» **What the exercise asks**
Restate the opening lines of the material below word for word, stopping after the line that contains "#120=IFCINDEXEDPOLYGONALFACE((1,2,4,3));".
[[ Material to process open ]]
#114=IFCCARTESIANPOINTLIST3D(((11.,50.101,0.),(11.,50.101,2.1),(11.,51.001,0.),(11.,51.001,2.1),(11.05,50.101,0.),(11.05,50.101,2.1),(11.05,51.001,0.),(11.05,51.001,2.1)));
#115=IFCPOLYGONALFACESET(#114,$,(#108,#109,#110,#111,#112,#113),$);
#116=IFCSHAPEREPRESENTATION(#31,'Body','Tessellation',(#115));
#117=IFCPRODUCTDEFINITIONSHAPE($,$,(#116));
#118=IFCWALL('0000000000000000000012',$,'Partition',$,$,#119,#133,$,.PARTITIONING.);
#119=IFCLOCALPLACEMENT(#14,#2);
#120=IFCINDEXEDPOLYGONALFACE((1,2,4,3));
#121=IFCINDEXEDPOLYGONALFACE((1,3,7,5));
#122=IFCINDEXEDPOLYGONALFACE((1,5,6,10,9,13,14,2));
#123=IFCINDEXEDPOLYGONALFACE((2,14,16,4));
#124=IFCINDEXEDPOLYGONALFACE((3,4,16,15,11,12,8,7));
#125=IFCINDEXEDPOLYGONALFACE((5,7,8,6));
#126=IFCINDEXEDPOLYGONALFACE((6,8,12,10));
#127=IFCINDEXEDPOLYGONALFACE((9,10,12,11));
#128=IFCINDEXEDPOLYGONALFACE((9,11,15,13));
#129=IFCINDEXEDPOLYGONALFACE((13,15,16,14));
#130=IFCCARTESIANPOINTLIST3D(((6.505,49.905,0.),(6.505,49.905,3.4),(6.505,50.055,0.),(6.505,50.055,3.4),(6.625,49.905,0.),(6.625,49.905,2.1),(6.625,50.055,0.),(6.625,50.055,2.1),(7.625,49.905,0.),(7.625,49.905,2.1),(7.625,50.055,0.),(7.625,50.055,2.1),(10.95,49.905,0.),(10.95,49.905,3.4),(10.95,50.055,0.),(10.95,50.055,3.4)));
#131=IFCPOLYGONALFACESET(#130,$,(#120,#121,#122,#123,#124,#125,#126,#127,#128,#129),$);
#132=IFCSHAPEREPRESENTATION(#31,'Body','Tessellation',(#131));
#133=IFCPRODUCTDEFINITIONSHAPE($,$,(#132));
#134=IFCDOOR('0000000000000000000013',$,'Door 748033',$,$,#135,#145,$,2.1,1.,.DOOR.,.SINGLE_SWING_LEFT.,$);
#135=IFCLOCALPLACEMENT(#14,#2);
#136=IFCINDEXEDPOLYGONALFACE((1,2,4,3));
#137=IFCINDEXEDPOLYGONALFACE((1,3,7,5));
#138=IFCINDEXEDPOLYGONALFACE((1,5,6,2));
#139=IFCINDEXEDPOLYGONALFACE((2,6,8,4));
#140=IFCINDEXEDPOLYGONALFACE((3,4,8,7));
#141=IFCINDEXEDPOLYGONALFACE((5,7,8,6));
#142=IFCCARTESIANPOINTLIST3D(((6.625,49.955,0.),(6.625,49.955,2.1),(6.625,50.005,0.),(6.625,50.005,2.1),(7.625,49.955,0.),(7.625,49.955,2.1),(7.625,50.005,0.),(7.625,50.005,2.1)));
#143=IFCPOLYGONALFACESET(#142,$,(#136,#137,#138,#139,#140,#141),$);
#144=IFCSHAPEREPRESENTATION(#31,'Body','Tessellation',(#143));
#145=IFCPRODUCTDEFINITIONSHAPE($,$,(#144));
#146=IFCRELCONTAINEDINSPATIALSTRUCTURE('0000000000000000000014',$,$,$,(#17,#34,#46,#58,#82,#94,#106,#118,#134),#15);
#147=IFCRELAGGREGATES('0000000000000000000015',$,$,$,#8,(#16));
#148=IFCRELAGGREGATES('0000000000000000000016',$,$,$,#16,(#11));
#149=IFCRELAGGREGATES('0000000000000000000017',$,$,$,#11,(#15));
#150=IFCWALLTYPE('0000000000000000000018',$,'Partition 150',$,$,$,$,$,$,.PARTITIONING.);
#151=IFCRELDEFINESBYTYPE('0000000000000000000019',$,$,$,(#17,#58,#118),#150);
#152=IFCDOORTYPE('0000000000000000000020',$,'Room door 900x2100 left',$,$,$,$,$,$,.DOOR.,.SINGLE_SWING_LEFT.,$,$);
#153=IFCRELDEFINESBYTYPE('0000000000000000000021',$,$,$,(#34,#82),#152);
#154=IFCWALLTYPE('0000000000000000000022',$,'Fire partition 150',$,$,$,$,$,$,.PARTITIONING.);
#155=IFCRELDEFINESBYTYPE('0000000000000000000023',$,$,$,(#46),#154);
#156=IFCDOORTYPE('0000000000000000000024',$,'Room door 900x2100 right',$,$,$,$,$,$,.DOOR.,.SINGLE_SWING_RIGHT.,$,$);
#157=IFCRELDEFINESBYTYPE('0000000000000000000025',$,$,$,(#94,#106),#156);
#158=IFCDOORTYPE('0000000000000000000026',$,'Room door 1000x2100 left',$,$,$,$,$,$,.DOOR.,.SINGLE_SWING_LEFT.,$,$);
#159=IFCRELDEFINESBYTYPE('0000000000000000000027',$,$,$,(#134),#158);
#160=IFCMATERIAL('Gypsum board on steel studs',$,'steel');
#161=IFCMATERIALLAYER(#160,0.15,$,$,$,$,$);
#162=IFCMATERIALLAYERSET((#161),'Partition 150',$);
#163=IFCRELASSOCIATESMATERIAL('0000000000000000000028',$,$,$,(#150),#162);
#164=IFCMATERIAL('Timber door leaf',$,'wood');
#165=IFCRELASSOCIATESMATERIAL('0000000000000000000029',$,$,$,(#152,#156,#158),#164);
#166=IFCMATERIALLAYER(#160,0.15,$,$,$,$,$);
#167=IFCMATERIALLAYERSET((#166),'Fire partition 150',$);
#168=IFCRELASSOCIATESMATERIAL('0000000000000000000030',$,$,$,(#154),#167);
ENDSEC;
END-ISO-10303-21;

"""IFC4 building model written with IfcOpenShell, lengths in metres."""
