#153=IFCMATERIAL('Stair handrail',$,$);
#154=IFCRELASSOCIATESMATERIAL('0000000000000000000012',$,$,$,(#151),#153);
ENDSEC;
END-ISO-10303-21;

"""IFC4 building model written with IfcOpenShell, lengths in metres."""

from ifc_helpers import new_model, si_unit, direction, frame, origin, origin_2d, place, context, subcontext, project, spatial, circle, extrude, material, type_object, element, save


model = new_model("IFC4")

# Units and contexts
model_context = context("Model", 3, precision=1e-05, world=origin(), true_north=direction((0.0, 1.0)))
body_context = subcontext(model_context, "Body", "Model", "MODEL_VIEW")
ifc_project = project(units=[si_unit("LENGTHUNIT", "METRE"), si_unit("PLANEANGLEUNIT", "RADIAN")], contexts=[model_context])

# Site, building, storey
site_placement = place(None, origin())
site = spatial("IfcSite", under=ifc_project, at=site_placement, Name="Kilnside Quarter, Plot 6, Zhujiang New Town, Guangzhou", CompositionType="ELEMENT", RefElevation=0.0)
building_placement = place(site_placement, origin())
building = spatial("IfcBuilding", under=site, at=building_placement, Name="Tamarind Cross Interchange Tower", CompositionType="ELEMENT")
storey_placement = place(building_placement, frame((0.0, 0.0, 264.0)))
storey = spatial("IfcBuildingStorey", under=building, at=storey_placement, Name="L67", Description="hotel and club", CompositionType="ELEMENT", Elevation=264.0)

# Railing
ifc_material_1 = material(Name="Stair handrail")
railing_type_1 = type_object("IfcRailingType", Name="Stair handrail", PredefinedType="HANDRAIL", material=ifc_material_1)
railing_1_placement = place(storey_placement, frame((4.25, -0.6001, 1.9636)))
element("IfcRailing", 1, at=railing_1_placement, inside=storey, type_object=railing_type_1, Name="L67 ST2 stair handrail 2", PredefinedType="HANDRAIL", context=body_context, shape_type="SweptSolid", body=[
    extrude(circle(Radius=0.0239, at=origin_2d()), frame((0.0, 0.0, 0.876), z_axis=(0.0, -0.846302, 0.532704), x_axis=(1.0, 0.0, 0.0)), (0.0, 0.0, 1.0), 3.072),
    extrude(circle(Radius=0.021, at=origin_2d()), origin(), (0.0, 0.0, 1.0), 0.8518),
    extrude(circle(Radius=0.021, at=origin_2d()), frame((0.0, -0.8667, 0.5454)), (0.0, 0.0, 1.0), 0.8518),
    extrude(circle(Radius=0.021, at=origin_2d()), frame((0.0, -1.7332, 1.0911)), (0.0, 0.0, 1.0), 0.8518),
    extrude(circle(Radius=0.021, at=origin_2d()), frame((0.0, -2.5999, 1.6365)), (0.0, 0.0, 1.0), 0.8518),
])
[[ Material to process closed ]]
» **Response area**
#114=IFCCARTESIANPOINTLIST3D(((11.,50.101,0.),(11.,50.101,2.1),(11.,51.001,0.),(11.,51.001,2.1),(11.05,50.101,0.),(11.05,50.101,2.1),(11.05,51.001,0.),(11.05,51.001,2.1)));
#115=IFCPOLYGONALFACESET(#114,$,(#108,#109,#110,#111,#112,#113),$);
#116=IFCSHAPEREPRESENTATION(#31,'Body','Tessellation',(#115));
#117=IFCPRODUCTDEFINITIONSHAPE($,$,(#116));
#118=IFCWALL('0000000000000000000012',$,'Partition',$,$,#119,#133,$,.PARTITIONING.);
#119=IFCLOCALPLACEMENT(#14,#2);
#120=IFCINDEXEDPOLYGONALFACE((1,2,4,3));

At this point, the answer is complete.